## What to work on
Your task is to repeat exactly the lines below between the line holding "#210=IFCMATERIALLAYERSET((#209),'Acoustic Gypsum Board" and the line holding "#212=IFCMATERIAL('Engineered Oak Timber',$,'wood');", inclusive, and only those.

==== Dataset content

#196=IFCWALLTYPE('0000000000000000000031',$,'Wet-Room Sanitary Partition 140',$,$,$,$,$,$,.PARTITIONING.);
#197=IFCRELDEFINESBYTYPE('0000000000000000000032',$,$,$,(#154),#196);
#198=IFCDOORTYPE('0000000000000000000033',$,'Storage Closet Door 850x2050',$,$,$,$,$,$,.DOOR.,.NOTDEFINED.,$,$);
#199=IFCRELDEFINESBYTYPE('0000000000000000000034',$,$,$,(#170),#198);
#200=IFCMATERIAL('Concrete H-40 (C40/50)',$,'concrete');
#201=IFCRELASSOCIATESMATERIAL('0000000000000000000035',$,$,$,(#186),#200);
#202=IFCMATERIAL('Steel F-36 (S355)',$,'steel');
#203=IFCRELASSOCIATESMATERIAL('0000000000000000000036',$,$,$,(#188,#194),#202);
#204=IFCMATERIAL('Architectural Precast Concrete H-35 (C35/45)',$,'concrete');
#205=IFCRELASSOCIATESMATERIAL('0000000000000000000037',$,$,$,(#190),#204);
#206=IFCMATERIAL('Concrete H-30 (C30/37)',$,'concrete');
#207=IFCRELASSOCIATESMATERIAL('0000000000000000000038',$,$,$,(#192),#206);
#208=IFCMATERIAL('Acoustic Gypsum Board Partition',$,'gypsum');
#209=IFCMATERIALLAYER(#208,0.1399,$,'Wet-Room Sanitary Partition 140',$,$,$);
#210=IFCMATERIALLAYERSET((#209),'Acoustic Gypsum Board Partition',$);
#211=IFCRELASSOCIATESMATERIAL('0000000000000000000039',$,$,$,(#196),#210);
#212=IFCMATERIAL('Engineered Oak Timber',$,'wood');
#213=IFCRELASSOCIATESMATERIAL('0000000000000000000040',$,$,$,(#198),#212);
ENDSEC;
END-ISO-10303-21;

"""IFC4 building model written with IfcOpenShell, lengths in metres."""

========

## Task response
#210=IFCMATERIALLAYERSET((#209),'Acoustic Gypsum Board Partition',$);
#211=IFCRELASSOCIATESMATERIAL('0000000000000000000039',$,$,$,(#196),#210);
#212=IFCMATERIAL('Engineered Oak Timber',$,'wood');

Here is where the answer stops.